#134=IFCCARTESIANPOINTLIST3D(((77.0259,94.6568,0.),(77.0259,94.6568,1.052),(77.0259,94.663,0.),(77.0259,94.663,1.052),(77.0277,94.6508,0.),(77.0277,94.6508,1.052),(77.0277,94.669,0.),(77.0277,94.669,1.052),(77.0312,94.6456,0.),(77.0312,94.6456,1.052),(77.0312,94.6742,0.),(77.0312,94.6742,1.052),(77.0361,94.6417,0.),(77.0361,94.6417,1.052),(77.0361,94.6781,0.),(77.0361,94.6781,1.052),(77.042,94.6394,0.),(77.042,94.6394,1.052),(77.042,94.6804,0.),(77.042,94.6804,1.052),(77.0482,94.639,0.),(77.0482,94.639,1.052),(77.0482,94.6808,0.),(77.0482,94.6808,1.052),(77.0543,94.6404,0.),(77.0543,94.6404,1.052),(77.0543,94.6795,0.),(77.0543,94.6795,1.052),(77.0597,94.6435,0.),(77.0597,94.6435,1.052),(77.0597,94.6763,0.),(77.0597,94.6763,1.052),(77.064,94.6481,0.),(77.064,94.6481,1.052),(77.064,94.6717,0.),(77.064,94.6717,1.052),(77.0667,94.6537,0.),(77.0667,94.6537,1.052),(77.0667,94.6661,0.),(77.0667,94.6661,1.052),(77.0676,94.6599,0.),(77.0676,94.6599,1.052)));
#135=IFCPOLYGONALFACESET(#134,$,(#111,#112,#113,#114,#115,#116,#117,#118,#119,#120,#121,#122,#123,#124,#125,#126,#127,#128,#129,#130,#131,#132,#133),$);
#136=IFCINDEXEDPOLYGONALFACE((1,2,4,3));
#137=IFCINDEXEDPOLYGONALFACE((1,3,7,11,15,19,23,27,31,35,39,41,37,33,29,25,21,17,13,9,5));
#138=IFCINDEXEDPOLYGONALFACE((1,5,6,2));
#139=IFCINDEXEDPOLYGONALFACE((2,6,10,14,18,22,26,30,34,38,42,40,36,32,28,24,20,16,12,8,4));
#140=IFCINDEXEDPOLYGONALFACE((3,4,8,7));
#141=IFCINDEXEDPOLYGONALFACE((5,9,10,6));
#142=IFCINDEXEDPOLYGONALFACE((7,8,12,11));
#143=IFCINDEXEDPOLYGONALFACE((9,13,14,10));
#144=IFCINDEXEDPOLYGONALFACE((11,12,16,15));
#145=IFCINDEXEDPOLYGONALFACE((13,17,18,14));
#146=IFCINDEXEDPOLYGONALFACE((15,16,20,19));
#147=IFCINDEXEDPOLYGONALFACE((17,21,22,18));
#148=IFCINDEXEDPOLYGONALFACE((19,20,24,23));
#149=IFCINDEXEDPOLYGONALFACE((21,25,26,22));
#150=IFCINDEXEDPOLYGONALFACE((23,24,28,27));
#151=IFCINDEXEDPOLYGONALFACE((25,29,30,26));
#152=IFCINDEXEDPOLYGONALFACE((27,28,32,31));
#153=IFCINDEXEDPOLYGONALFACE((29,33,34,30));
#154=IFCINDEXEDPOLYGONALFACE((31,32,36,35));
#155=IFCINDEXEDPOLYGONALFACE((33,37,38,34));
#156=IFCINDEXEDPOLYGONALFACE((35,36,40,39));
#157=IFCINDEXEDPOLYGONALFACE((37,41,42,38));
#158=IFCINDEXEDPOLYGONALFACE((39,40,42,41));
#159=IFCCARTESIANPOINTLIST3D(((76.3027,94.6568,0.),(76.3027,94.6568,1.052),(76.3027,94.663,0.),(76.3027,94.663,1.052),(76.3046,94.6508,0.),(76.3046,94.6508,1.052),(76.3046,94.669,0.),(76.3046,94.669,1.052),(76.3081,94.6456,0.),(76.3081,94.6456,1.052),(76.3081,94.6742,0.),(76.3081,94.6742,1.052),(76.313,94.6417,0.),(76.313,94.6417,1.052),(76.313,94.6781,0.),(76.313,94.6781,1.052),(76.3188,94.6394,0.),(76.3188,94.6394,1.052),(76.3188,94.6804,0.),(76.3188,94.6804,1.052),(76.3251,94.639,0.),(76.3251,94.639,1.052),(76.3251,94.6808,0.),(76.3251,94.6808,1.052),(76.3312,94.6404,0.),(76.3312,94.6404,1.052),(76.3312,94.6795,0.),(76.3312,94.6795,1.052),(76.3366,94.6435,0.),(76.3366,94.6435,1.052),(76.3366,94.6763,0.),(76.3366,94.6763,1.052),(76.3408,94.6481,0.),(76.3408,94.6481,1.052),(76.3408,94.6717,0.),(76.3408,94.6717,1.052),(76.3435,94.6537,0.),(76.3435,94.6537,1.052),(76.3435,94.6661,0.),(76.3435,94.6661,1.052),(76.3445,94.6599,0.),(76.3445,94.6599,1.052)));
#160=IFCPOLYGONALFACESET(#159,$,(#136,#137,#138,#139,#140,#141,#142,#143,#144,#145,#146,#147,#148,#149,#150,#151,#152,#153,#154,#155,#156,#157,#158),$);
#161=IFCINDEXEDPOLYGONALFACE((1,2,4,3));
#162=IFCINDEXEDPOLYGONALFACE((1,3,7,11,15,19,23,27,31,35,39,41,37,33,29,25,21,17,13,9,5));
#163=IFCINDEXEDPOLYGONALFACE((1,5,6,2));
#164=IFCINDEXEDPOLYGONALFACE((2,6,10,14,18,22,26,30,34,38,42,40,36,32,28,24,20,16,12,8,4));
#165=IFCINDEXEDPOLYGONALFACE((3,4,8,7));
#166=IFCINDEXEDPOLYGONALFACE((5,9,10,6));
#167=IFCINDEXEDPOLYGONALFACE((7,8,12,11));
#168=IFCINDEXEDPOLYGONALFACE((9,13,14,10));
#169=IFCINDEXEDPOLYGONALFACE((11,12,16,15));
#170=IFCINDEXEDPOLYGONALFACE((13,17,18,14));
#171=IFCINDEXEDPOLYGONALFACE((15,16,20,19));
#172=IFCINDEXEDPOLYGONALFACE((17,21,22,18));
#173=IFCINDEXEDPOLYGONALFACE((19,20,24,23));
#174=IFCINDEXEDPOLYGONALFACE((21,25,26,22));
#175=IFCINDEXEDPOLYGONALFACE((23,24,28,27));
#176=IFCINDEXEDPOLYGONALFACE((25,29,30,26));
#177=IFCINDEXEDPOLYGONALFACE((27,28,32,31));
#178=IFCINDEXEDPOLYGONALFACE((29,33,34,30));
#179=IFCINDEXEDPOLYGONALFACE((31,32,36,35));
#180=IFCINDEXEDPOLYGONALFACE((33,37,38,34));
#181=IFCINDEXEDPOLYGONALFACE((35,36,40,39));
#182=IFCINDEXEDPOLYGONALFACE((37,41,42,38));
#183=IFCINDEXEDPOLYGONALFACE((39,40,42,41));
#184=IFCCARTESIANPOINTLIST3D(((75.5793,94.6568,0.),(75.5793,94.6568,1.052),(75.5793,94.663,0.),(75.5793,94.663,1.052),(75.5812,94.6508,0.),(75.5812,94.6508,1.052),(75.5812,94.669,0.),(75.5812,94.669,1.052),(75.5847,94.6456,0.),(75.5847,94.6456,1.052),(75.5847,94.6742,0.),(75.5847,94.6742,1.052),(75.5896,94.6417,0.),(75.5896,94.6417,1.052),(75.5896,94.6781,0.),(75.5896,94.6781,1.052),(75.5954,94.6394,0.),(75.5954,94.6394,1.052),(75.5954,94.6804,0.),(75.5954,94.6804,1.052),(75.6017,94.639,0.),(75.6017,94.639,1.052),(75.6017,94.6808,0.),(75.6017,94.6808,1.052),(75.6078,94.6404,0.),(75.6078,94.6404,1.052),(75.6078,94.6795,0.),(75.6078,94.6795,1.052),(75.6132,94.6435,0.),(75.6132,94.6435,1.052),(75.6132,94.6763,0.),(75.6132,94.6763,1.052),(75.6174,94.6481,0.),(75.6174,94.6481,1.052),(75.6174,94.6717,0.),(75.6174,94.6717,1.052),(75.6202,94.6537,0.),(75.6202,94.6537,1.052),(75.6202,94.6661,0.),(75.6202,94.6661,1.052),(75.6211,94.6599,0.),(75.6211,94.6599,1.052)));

****************************************

**Work required:**
Filter the records above, keeping each line that contains the word "IFCPOLYGONALFACESET".

**Answer to the problem:**
#135=IFCPOLYGONALFACESET(#134,$,(#111,#112,#113,#114,#115,#116,#117,#118,#119,#120,#121,#122,#123,#124,#125,#126,#127,#128,#129,#130,#131,#132,#133),$);
#160=IFCPOLYGONALFACESET(#159,$,(#136,#137,#138,#139,#140,#141,#142,#143,#144,#145,#146,#147,#148,#149,#150,#151,#152,#153,#154,#155,#156,#157,#158),$);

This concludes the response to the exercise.